Which lines in the listing below contain "IFCSHAPEREPRESENTATION"? Copy each of them.

Start of Block

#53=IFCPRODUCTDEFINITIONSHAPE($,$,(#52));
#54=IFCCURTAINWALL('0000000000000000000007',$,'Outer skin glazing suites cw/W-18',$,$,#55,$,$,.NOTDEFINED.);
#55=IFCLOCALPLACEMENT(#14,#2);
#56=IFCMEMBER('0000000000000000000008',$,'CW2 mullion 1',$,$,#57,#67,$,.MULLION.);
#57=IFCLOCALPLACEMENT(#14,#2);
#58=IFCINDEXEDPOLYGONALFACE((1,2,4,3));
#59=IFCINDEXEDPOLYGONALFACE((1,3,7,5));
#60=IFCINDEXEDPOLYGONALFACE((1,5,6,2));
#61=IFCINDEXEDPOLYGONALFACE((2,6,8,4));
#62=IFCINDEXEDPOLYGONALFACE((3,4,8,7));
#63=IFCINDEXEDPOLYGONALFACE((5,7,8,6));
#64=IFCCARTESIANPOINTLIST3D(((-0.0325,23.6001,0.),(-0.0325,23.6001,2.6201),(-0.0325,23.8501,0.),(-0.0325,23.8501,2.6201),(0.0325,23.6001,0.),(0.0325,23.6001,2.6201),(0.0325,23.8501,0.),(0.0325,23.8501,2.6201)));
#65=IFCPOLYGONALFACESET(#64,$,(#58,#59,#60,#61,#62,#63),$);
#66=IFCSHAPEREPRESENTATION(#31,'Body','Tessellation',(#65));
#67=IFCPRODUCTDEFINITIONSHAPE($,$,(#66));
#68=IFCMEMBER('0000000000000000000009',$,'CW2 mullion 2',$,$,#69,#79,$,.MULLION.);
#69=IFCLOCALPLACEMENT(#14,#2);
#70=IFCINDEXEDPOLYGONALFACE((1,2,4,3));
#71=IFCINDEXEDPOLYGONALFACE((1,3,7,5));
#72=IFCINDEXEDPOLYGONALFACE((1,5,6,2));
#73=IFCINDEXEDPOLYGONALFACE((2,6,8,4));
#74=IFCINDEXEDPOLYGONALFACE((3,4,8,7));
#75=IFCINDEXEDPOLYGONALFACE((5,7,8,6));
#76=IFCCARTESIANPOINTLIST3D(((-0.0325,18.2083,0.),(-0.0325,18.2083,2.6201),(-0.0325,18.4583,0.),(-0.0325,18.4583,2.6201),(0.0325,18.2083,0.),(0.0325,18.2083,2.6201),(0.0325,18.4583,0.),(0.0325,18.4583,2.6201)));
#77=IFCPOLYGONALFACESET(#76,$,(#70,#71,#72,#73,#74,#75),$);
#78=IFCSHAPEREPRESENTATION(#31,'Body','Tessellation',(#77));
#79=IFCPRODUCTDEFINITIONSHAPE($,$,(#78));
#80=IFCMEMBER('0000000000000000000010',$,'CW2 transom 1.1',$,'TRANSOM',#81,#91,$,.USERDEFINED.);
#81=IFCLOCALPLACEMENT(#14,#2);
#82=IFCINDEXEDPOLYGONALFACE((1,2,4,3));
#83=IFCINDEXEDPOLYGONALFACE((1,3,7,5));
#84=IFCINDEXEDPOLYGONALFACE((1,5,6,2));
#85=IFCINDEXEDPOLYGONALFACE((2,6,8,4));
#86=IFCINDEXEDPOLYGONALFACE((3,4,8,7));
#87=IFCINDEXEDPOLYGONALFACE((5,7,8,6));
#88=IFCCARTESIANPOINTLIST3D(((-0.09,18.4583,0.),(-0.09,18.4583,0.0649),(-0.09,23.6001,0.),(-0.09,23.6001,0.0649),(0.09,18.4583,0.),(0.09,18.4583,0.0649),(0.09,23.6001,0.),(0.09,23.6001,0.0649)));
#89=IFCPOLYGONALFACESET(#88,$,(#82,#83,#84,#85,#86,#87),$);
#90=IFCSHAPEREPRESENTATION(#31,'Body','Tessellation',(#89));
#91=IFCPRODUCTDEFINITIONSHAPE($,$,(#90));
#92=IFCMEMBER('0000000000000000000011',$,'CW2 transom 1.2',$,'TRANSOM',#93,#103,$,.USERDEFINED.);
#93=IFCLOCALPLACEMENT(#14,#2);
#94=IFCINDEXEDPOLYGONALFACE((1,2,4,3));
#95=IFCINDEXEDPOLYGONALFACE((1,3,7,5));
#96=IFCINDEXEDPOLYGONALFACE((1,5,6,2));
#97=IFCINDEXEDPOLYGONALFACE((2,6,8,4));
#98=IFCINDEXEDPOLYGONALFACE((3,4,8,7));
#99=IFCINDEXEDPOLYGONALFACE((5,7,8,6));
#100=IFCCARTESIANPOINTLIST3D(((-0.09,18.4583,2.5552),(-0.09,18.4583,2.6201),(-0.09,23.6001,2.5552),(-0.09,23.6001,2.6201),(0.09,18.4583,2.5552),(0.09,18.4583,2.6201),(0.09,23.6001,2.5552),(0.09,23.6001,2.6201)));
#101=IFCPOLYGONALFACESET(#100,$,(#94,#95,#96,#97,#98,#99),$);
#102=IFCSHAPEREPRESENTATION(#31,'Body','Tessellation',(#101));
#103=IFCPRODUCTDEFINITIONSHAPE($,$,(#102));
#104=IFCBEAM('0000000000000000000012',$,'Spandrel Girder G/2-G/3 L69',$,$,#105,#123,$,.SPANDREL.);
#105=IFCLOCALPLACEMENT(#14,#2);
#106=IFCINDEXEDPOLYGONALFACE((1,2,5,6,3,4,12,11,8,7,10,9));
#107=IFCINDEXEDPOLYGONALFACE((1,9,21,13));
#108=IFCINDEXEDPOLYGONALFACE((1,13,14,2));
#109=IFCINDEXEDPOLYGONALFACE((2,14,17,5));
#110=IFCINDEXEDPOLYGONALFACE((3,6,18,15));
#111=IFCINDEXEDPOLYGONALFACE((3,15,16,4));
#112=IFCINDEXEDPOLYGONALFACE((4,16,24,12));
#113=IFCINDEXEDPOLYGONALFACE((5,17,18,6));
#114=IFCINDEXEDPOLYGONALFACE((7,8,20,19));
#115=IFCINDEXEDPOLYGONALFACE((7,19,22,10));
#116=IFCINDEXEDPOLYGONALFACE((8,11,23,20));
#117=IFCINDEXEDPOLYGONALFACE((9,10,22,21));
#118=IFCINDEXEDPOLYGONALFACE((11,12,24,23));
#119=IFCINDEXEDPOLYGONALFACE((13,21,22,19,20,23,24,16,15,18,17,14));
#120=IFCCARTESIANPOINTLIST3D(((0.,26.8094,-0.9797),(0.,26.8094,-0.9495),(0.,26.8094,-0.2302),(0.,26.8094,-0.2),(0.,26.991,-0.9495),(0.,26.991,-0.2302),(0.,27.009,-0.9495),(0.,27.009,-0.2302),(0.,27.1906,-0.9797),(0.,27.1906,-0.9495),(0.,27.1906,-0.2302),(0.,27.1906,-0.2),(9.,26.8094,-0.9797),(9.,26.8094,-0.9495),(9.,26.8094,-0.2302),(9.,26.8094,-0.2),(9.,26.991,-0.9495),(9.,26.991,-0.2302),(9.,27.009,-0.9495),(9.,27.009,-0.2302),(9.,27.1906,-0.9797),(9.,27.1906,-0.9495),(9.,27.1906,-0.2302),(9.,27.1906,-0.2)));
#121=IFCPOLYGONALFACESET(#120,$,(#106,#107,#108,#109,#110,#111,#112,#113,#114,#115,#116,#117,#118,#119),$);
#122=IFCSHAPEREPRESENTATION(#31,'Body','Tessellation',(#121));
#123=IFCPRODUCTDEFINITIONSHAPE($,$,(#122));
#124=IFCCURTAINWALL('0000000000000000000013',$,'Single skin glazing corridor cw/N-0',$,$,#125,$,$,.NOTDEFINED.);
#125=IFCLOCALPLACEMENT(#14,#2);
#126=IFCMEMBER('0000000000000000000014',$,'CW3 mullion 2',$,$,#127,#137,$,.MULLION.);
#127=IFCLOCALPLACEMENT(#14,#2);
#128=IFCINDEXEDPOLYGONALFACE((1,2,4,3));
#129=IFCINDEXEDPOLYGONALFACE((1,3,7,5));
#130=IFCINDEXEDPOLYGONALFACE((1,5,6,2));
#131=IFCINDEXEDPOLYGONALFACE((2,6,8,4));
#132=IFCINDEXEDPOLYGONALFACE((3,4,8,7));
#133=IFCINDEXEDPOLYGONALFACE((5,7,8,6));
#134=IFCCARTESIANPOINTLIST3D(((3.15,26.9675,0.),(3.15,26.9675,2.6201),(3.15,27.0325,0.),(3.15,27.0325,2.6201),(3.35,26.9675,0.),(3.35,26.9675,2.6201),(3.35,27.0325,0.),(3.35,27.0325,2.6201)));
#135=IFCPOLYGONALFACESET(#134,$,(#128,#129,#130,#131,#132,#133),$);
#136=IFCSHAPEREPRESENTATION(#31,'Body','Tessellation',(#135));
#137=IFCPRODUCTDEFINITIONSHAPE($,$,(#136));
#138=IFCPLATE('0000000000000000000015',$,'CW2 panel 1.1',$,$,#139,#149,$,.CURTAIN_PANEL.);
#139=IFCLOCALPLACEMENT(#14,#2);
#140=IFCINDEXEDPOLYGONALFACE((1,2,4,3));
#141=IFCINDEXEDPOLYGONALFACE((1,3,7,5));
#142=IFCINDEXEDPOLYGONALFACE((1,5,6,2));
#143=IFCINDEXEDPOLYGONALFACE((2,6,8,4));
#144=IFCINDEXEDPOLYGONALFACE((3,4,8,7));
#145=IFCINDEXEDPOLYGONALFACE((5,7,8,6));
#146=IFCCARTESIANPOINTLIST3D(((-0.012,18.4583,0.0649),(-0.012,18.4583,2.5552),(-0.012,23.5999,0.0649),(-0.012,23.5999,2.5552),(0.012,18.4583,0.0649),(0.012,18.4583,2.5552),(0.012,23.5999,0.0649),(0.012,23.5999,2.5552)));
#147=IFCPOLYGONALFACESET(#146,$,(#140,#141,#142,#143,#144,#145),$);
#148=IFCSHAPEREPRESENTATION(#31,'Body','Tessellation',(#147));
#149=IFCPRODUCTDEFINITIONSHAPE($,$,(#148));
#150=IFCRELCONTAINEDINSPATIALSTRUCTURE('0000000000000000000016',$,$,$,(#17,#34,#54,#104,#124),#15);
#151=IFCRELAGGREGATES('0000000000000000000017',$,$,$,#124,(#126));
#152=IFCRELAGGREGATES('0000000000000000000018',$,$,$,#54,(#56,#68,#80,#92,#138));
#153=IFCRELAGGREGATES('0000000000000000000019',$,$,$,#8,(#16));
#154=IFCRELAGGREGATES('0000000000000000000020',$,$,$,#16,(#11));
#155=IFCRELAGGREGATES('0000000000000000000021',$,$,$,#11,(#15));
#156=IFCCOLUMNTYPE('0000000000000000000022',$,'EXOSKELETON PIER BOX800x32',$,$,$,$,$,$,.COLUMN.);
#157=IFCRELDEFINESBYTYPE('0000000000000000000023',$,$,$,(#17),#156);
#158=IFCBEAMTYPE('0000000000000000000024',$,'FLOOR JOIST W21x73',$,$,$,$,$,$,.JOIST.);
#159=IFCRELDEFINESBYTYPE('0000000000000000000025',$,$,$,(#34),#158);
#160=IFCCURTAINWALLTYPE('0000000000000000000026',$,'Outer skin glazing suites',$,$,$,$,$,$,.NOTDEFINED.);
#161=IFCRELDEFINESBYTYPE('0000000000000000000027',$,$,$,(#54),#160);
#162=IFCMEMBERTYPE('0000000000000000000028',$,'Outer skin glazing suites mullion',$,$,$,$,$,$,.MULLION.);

End of Block

## WRITTEN RESPONSE:
#66=IFCSHAPEREPRESENTATION(#31,'Body','Tessellation',(#65));
#78=IFCSHAPEREPRESENTATION(#31,'Body','Tessellation',(#77));
#90=IFCSHAPEREPRESENTATION(#31,'Body','Tessellation',(#89));
#102=IFCSHAPEREPRESENTATION(#31,'Body','Tessellation',(#101));
#122=IFCSHAPEREPRESENTATION(#31,'Body','Tessellation',(#121));
#136=IFCSHAPEREPRESENTATION(#31,'Body','Tessellation',(#135));
#148=IFCSHAPEREPRESENTATION(#31,'Body','Tessellation',(#147));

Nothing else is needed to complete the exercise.